(Input data)

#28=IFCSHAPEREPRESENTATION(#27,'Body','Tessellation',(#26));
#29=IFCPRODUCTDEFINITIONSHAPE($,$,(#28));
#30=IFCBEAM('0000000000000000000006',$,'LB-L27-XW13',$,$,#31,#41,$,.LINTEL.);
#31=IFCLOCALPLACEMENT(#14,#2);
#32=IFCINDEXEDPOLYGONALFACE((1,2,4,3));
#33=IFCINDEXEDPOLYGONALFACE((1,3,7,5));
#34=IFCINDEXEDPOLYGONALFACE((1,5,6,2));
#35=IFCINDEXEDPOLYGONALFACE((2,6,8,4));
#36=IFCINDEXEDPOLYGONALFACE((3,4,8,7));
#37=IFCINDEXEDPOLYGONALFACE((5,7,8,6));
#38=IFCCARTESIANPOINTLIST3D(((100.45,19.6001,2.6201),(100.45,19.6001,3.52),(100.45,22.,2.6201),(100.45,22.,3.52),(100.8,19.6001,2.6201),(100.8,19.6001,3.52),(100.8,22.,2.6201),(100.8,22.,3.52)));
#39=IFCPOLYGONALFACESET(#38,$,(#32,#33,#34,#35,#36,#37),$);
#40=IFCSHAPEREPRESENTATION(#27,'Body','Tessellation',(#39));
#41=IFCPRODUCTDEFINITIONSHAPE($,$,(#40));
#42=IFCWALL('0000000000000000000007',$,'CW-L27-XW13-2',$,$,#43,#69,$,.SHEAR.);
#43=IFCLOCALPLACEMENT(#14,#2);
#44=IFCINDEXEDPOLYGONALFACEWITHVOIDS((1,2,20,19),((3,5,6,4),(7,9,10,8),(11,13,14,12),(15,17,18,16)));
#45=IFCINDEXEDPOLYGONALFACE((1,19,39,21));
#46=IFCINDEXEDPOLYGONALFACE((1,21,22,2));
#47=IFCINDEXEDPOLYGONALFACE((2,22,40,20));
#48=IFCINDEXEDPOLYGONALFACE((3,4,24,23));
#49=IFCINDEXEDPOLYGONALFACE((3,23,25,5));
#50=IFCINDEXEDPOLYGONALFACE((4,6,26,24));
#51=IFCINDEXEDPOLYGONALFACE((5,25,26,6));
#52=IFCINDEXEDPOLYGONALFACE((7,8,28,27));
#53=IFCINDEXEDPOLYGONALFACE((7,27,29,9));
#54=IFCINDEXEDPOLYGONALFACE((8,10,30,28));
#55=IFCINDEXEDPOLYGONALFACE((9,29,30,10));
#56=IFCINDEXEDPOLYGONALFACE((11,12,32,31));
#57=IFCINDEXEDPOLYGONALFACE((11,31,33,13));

(End Input data)

→ **Your assignment**
Nothing but the lines from the one containing "#34=IFCINDEXEDPOLYGONALFACE((1,5,6,2));" to the last line of the listing above belongs in the answer; restate each word for word.

→ **Response area**
#34=IFCINDEXEDPOLYGONALFACE((1,5,6,2));
#35=IFCINDEXEDPOLYGONALFACE((2,6,8,4));
#36=IFCINDEXEDPOLYGONALFACE((3,4,8,7));
#37=IFCINDEXEDPOLYGONALFACE((5,7,8,6));
#38=IFCCARTESIANPOINTLIST3D(((100.45,19.6001,2.6201),(100.45,19.6001,3.52),(100.45,22.,2.6201),(100.45,22.,3.52),(100.8,19.6001,2.6201),(100.8,19.6001,3.52),(100.8,22.,2.6201),(100.8,22.,3.52)));
#39=IFCPOLYGONALFACESET(#38,$,(#32,#33,#34,#35,#36,#37),$);
#40=IFCSHAPEREPRESENTATION(#27,'Body','Tessellation',(#39));
#41=IFCPRODUCTDEFINITIONSHAPE($,$,(#40));
#42=IFCWALL('0000000000000000000007',$,'CW-L27-XW13-2',$,$,#43,#69,$,.SHEAR.);
#43=IFCLOCALPLACEMENT(#14,#2);
#44=IFCINDEXEDPOLYGONALFACEWITHVOIDS((1,2,20,19),((3,5,6,4),(7,9,10,8),(11,13,14,12),(15,17,18,16)));
#45=IFCINDEXEDPOLYGONALFACE((1,19,39,21));
#46=IFCINDEXEDPOLYGONALFACE((1,21,22,2));
#47=IFCINDEXEDPOLYGONALFACE((2,22,40,20));
#48=IFCINDEXEDPOLYGONALFACE((3,4,24,23));
#49=IFCINDEXEDPOLYGONALFACE((3,23,25,5));
#50=IFCINDEXEDPOLYGONALFACE((4,6,26,24));
#51=IFCINDEXEDPOLYGONALFACE((5,25,26,6));
#52=IFCINDEXEDPOLYGONALFACE((7,8,28,27));
#53=IFCINDEXEDPOLYGONALFACE((7,27,29,9));
#54=IFCINDEXEDPOLYGONALFACE((8,10,30,28));
#55=IFCINDEXEDPOLYGONALFACE((9,29,30,10));
#56=IFCINDEXEDPOLYGONALFACE((11,12,32,31));
#57=IFCINDEXEDPOLYGONALFACE((11,31,33,13));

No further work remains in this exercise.